◆ ASSIGNMENT:
Please filter the listing for the string "IFCINDEXEDPOLYGONALFACE" and copy each matching line.

++++ SUPPLIED ENTRIES

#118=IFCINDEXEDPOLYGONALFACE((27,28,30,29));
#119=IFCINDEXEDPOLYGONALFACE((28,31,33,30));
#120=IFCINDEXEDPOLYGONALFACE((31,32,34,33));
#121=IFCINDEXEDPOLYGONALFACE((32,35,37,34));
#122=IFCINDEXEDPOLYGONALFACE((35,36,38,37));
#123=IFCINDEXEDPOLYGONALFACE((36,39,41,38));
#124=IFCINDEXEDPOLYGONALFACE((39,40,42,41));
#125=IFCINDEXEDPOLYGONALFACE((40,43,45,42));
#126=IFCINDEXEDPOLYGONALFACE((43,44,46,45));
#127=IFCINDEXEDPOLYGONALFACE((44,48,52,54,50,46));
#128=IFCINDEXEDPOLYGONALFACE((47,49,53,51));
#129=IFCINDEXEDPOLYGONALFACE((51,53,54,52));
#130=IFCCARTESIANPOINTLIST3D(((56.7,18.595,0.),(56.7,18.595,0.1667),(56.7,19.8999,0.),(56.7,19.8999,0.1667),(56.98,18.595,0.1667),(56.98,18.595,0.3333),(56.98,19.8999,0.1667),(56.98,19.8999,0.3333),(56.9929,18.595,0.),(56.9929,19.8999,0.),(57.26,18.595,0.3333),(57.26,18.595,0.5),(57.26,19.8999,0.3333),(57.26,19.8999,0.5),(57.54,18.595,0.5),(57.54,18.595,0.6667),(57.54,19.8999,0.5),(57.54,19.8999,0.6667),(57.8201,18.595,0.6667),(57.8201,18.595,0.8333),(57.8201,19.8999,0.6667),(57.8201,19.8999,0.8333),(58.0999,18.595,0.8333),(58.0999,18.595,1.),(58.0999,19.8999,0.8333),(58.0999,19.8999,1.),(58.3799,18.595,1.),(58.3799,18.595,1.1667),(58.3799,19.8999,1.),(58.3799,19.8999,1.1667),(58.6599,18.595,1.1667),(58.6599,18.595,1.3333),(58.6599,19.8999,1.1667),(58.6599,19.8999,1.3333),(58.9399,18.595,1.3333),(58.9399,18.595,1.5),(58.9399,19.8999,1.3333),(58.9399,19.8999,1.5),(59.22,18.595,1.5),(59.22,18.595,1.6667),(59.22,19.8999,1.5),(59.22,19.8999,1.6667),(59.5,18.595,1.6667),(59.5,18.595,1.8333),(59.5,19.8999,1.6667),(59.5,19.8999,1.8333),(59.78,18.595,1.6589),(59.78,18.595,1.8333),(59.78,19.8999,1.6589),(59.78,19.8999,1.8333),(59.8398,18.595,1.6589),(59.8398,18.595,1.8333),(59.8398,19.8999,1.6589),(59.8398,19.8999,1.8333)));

++++++++

◆ COMPLETED TASK:
#118=IFCINDEXEDPOLYGONALFACE((27,28,30,29));
#119=IFCINDEXEDPOLYGONALFACE((28,31,33,30));
#120=IFCINDEXEDPOLYGONALFACE((31,32,34,33));
#121=IFCINDEXEDPOLYGONALFACE((32,35,37,34));
#122=IFCINDEXEDPOLYGONALFACE((35,36,38,37));
#123=IFCINDEXEDPOLYGONALFACE((36,39,41,38));
#124=IFCINDEXEDPOLYGONALFACE((39,40,42,41));
#125=IFCINDEXEDPOLYGONALFACE((40,43,45,42));
#126=IFCINDEXEDPOLYGONALFACE((43,44,46,45));
#127=IFCINDEXEDPOLYGONALFACE((44,48,52,54,50,46));
#128=IFCINDEXEDPOLYGONALFACE((47,49,53,51));
#129=IFCINDEXEDPOLYGONALFACE((51,53,54,52));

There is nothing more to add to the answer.